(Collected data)
###

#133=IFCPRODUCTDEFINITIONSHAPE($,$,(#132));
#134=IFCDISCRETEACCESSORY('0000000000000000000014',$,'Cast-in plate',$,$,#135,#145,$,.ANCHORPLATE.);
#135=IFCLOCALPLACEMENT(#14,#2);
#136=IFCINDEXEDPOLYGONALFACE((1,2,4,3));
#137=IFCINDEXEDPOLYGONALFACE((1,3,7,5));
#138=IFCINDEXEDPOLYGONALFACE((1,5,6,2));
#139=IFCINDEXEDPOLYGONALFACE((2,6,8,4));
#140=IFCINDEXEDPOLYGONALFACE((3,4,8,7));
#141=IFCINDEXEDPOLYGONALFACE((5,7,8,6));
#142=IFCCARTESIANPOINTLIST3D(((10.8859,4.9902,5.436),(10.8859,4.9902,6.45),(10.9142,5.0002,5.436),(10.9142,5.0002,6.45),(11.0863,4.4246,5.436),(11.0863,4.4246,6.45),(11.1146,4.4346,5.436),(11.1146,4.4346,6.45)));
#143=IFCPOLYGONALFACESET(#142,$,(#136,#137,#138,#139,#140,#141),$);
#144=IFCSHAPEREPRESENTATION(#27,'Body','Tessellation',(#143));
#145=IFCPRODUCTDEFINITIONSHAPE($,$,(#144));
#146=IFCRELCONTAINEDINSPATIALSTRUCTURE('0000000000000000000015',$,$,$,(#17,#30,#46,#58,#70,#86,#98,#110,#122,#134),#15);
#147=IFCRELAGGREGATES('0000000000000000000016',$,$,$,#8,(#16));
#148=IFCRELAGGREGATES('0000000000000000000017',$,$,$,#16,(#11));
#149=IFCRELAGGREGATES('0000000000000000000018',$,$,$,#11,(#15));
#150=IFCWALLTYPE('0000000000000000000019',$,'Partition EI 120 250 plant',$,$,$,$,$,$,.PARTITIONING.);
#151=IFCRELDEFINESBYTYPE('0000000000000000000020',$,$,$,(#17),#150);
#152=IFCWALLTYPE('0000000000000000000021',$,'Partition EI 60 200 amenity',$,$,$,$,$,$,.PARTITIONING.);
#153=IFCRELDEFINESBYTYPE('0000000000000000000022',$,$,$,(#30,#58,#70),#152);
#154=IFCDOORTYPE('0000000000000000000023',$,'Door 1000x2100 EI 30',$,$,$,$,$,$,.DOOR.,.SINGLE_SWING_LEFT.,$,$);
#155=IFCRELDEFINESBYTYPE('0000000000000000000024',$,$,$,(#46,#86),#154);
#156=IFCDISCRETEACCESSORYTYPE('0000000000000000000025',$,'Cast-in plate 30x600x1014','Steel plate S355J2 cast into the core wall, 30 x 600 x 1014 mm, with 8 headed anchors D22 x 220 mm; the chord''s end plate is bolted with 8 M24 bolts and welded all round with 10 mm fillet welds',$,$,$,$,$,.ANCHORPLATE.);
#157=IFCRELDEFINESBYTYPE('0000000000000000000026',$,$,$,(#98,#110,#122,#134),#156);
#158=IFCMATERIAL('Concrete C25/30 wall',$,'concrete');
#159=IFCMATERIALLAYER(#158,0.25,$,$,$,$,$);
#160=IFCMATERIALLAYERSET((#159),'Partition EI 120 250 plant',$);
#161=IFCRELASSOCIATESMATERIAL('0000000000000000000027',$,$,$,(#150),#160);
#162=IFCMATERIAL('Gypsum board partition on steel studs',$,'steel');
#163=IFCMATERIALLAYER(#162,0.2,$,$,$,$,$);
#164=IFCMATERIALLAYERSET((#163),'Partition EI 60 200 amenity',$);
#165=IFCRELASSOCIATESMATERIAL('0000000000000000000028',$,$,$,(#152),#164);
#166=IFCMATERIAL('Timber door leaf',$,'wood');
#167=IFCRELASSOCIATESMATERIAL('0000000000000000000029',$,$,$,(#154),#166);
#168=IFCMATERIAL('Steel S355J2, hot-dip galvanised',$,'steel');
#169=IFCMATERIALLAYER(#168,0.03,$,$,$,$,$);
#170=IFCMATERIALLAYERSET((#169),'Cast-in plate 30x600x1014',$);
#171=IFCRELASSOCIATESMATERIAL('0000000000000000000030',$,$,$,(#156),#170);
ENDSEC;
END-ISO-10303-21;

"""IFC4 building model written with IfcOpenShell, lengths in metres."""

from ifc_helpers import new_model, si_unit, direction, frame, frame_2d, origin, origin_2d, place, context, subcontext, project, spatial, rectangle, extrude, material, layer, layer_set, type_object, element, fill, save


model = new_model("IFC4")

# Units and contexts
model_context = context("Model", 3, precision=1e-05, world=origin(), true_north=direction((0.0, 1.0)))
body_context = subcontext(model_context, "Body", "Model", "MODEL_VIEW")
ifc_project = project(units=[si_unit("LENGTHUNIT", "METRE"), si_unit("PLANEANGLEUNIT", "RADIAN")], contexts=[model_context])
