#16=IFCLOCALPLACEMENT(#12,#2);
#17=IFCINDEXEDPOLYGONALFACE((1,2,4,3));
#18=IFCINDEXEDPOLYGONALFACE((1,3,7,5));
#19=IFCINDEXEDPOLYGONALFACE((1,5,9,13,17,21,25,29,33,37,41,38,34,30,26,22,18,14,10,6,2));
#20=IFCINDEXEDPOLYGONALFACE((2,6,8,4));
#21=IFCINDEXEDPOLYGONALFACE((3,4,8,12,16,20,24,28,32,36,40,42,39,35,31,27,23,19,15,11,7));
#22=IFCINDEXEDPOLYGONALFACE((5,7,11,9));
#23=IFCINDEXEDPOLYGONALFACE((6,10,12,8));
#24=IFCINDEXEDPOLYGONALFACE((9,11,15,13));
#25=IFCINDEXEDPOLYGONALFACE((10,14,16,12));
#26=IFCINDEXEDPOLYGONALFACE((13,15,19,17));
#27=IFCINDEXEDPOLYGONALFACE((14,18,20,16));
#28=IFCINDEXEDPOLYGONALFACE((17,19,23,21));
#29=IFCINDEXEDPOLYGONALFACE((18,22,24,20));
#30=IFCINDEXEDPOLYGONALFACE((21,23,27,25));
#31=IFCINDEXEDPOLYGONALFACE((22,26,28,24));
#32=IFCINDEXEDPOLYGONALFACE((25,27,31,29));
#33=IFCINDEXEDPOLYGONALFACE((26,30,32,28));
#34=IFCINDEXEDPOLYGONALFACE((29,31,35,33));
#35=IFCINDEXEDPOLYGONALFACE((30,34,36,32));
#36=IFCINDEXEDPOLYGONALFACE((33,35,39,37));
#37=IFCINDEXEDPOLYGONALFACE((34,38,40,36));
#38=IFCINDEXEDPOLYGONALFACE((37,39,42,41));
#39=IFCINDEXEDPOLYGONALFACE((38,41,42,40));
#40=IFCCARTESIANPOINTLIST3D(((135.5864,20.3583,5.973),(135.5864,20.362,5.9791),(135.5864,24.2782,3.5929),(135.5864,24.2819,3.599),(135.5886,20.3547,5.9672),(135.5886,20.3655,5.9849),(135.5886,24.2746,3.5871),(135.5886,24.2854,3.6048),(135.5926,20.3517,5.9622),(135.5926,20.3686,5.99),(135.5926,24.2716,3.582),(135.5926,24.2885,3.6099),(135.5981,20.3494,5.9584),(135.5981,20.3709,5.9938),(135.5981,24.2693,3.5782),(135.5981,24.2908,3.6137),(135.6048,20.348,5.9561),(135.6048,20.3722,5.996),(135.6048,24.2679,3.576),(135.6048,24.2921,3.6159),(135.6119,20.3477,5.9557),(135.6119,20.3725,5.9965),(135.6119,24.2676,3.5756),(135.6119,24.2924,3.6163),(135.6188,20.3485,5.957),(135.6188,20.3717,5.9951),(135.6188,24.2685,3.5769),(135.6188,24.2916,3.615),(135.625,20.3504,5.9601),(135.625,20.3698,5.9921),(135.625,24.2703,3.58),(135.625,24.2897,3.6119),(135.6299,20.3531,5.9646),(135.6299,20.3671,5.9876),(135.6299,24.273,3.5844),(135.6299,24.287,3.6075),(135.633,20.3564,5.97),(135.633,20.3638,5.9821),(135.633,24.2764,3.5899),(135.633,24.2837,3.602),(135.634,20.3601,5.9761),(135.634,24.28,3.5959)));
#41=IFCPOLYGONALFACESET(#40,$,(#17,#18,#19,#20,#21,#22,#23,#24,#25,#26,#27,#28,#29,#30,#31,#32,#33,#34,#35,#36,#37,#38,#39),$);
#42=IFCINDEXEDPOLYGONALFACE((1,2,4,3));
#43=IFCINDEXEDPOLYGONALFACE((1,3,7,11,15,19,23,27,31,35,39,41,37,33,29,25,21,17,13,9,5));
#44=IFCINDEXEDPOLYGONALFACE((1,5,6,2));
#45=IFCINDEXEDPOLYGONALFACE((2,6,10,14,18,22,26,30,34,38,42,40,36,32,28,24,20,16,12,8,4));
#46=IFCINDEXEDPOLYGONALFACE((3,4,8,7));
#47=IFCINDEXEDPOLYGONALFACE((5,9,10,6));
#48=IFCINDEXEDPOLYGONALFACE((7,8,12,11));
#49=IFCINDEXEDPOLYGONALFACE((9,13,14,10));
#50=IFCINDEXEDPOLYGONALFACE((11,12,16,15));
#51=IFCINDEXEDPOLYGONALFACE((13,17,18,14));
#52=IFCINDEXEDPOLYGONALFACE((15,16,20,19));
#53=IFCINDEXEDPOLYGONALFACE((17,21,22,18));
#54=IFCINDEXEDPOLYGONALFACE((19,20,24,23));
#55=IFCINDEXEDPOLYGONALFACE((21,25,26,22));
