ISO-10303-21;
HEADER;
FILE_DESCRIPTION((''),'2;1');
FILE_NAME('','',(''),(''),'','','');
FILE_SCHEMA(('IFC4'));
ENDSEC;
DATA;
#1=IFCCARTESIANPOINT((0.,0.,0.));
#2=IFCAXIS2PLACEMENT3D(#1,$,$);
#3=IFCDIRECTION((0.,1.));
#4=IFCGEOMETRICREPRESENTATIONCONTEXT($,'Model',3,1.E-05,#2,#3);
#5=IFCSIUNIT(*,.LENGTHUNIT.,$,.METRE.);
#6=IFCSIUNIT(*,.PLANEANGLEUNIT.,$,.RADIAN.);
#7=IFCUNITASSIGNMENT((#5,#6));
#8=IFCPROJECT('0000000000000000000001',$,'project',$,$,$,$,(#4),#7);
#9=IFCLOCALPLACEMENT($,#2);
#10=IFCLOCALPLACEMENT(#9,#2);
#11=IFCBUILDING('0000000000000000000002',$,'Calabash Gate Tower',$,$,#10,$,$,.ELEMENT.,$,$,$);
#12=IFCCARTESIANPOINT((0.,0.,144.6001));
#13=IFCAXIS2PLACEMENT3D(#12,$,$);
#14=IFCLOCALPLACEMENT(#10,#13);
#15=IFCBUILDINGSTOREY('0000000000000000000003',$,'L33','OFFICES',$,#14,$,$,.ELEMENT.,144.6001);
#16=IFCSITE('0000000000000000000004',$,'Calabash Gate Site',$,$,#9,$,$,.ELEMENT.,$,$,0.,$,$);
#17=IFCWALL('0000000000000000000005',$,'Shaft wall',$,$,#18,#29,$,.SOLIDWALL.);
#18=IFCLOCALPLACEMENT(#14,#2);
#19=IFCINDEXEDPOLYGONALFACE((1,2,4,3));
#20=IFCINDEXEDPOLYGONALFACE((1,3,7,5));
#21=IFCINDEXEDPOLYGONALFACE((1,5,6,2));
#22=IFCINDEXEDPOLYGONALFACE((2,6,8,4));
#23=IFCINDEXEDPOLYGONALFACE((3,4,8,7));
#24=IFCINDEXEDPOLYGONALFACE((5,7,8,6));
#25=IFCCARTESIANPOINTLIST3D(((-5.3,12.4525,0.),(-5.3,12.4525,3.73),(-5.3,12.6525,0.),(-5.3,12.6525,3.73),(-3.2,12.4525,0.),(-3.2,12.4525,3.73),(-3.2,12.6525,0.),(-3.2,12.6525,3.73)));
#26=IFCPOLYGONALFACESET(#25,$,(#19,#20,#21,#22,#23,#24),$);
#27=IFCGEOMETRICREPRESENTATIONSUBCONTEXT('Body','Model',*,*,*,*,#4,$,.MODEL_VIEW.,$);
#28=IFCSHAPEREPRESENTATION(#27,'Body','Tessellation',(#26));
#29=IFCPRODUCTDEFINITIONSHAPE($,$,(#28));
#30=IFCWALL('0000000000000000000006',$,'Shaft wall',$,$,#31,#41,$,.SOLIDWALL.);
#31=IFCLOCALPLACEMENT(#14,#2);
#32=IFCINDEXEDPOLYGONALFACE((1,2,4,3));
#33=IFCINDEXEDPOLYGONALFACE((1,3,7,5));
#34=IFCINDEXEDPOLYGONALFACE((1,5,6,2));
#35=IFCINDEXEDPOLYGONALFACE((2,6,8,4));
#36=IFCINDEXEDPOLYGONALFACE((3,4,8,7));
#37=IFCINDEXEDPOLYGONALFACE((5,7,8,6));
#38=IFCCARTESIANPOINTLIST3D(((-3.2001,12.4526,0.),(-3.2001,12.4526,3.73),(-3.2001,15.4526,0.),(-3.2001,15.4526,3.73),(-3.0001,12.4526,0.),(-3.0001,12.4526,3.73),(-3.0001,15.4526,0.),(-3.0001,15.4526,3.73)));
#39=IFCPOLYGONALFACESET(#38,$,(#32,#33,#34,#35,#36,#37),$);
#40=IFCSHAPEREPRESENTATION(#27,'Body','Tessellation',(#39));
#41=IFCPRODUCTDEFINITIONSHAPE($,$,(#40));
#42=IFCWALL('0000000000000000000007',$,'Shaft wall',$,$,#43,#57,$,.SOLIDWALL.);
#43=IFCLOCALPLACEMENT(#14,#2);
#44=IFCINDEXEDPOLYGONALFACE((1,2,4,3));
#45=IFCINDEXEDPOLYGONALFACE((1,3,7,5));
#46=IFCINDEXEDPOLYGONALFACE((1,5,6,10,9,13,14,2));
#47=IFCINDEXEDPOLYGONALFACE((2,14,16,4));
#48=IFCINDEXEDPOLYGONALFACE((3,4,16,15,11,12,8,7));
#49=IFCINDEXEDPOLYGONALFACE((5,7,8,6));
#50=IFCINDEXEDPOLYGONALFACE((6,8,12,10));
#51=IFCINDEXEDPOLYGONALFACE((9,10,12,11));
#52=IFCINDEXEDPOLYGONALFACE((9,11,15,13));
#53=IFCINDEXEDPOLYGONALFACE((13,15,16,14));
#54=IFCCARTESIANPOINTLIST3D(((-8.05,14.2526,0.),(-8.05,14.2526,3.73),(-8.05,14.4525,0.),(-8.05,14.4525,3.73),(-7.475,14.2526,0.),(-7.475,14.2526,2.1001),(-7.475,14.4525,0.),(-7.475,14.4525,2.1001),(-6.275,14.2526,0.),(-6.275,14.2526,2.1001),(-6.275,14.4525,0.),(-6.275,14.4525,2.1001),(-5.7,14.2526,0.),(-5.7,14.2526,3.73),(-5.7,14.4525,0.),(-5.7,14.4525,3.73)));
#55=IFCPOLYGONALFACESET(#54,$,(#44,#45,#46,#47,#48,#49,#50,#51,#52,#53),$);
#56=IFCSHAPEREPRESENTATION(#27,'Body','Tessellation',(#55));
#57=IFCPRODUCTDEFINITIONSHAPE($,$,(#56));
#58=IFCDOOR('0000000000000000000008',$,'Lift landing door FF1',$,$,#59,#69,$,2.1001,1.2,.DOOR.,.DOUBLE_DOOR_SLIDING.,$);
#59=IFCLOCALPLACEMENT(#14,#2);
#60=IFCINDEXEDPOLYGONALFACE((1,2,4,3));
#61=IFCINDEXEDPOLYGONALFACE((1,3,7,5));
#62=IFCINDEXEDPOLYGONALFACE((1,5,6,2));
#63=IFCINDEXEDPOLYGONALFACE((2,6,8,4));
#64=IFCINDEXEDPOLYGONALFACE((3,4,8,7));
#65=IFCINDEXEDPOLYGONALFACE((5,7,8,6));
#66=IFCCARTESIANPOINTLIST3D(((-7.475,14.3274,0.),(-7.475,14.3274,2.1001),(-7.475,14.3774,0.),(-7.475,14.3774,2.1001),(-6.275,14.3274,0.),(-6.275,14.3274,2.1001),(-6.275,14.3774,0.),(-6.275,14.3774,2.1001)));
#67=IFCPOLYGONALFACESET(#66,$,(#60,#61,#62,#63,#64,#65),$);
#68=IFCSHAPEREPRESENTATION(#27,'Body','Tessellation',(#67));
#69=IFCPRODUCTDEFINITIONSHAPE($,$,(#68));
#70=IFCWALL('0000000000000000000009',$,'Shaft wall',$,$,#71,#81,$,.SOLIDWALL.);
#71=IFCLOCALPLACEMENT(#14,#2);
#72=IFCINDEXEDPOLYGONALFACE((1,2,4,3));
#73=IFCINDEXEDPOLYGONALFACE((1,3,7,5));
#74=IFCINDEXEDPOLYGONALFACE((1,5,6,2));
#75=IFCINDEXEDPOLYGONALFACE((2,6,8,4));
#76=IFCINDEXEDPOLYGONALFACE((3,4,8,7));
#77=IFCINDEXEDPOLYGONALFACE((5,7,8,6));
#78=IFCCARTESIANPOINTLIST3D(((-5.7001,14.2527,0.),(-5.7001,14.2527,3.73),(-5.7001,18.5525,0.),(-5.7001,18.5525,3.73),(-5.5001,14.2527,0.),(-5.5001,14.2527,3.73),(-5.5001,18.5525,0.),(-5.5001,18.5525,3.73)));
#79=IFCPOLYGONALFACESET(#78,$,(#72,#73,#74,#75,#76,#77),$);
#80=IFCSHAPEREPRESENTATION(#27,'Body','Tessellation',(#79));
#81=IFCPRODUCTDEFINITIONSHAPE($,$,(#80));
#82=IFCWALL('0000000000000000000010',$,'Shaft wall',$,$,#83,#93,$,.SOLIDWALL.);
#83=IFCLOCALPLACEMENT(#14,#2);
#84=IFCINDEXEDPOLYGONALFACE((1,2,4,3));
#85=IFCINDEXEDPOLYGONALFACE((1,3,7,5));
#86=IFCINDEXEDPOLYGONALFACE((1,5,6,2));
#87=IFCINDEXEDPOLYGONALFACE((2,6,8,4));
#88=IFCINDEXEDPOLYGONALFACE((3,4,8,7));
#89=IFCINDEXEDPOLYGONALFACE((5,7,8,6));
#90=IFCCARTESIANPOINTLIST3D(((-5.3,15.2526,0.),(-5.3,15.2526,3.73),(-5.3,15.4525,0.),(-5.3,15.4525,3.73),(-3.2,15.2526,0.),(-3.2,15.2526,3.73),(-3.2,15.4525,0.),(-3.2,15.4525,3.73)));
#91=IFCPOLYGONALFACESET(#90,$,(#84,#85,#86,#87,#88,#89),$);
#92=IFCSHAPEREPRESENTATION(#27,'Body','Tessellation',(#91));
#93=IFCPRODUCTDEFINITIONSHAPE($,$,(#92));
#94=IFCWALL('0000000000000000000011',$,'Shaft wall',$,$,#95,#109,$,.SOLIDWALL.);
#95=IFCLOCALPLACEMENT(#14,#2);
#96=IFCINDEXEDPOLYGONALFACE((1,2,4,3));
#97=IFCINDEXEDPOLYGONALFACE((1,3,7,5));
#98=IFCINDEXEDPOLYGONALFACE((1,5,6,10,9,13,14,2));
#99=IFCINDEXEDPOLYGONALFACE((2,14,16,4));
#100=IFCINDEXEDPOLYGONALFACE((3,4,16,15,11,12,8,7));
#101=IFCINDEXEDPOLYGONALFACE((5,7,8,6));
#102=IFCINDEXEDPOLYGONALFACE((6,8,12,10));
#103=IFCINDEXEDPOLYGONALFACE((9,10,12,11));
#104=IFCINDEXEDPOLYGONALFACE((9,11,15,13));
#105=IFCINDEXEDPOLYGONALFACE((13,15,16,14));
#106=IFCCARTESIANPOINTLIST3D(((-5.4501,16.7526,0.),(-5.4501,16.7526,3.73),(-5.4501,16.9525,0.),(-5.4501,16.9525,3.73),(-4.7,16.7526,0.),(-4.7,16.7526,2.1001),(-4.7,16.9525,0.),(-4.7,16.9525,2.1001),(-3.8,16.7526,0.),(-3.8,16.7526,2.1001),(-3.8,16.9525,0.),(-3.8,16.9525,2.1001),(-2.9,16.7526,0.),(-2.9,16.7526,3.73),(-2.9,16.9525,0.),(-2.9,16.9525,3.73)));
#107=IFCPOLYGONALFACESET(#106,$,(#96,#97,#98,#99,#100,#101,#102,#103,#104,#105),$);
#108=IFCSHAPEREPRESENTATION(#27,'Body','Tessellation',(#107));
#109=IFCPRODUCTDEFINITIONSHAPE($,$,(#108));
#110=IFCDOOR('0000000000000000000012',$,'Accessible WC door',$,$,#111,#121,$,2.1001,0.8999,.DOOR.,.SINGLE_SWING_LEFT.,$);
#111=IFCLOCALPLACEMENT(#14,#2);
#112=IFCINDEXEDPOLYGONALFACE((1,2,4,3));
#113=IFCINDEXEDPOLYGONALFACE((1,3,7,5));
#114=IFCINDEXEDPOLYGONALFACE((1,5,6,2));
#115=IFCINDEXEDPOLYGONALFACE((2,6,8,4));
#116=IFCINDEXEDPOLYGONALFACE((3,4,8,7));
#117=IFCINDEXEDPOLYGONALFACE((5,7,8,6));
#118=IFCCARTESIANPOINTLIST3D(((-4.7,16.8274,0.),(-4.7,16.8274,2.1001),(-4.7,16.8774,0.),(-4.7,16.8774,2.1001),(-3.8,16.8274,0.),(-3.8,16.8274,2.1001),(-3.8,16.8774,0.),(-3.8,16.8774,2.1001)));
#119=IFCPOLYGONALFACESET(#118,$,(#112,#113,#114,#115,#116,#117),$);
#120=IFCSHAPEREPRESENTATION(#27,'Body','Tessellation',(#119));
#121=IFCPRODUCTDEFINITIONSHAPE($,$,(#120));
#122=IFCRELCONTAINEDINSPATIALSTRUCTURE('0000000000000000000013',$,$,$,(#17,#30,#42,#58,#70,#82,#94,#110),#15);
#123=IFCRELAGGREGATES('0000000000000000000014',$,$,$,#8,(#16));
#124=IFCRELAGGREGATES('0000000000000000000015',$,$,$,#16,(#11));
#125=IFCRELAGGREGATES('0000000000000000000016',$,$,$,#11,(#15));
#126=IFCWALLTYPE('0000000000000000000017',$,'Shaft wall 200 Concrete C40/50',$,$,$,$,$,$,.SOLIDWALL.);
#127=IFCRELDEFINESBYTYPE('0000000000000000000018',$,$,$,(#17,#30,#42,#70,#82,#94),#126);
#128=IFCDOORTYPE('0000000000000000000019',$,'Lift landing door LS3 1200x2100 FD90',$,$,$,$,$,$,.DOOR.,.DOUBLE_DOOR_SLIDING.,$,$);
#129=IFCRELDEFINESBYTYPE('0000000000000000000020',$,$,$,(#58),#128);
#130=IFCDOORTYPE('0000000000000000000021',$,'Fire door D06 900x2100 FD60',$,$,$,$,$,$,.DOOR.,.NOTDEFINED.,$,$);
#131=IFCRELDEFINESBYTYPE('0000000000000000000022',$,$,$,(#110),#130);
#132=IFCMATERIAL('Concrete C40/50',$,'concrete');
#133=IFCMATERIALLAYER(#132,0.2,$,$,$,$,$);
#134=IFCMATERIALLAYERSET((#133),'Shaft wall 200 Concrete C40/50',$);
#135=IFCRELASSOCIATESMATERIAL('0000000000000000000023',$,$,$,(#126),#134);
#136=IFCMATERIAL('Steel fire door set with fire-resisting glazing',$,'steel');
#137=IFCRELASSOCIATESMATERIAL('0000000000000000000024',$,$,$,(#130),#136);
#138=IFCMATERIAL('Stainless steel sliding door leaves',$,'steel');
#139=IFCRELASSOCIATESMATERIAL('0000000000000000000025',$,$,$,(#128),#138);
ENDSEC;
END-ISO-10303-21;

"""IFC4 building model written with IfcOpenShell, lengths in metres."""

from ifc_helpers import new_model, si_unit, direction, frame, frame_2d, origin, place, context, subcontext, project, spatial, rectangle, extrude, material, layer, layer_set, type_object, element, fill, save


model = new_model("IFC4")

# Units and contexts
model_context = context("Model", 3, precision=1e-05, world=origin(), true_north=direction((0.0, 1.0)))
body_context = subcontext(model_context, "Body", "Model", "MODEL_VIEW")
ifc_project = project(units=[si_unit("LENGTHUNIT", "METRE"), si_unit("PLANEANGLEUNIT", "RADIAN")], contexts=[model_context])

# Site, building, storey
site_placement = place(None, origin())
site = spatial("IfcSite", under=ifc_project, at=site_placement, Name="Calabash Gate Site", CompositionType="ELEMENT", RefElevation=0.0)
building_placement = place(site_placement, origin())
building = spatial("IfcBuilding", under=site, at=building_placement, Name="Calabash Gate Tower", CompositionType="ELEMENT")
storey_placement = place(building_placement, frame((0.0, 0.0, 144.6001)))
storey = spatial("IfcBuildingStorey", under=building, at=storey_placement, Name="L33", Description="OFFICES", CompositionType="ELEMENT", Elevation=144.6001)

# Shared definitions
ifc_material_1 = material(Name="Concrete C40/50", Category="concrete")
ifc_layer_1 = layer(ifc_material_1, 0.2)
ifc_layer_set_1 = layer_set([ifc_layer_1], Name="Shaft wall 200 Concrete C40/50")
wall_type_1 = type_object("IfcWallType", Name="Shaft wall 200 Concrete C40/50", PredefinedType="SOLIDWALL", material=ifc_layer_set_1)

# Shared definitions
ifc_material_2 = material(Name="Steel fire door set with fire-resisting glazing", Category="steel")
door_type_1 = type_object("IfcDoorType", Name="Fire door D06 900x2100 FD60", OperationType="NOTDEFINED", PredefinedType="DOOR", material=ifc_material_2)

# Walls
wall_1_placement = place(storey_placement, frame((-5.3, 12.5525, 0.0), z_axis=(0.0, 0.0, 1.0), x_axis=(1.0, 0.0, 0.0)))
element("IfcWall", 1, at=wall_1_placement, inside=storey, type_object=wall_type_1, Name="Shaft wall", PredefinedType="SOLIDWALL", context=body_context, shape_type="SweptSolid", body=[
    extrude(rectangle(XDim=2.1001, YDim=0.2, at=frame_2d((1.05, 0.0))), origin(), (0.0, 0.0, 1.0), 3.73),
])
wall_2_placement = place(storey_placement, frame((-3.1001, 12.4526, 0.0), z_axis=(0.0, 0.0, 1.0), x_axis=(0.0, 1.0, 0.0)))
element("IfcWall", 2, at=wall_2_placement, inside=storey, type_object=wall_type_1, Name="Shaft wall", PredefinedType="SOLIDWALL", context=body_context, shape_type="SweptSolid", body=[
    extrude(rectangle(XDim=3.0, YDim=0.2, at=frame_2d((1.5, 0.0))), origin(), (0.0, 0.0, 1.0), 3.73),
])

###

-- PROBLEM --
Return every line above in which the string "IFCRELAGGREGATES" occurs.

-- EXERCISE SOLUTION --
#147=IFCRELAGGREGATES('0000000000000000000016',$,$,$,#8,(#16));
#148=IFCRELAGGREGATES('0000000000000000000017',$,$,$,#16,(#11));
#149=IFCRELAGGREGATES('0000000000000000000018',$,$,$,#11,(#15));
#123=IFCRELAGGREGATES('0000000000000000000014',$,$,$,#8,(#16));
#124=IFCRELAGGREGATES('0000000000000000000015',$,$,$,#16,(#11));
#125=IFCRELAGGREGATES('0000000000000000000016',$,$,$,#11,(#15));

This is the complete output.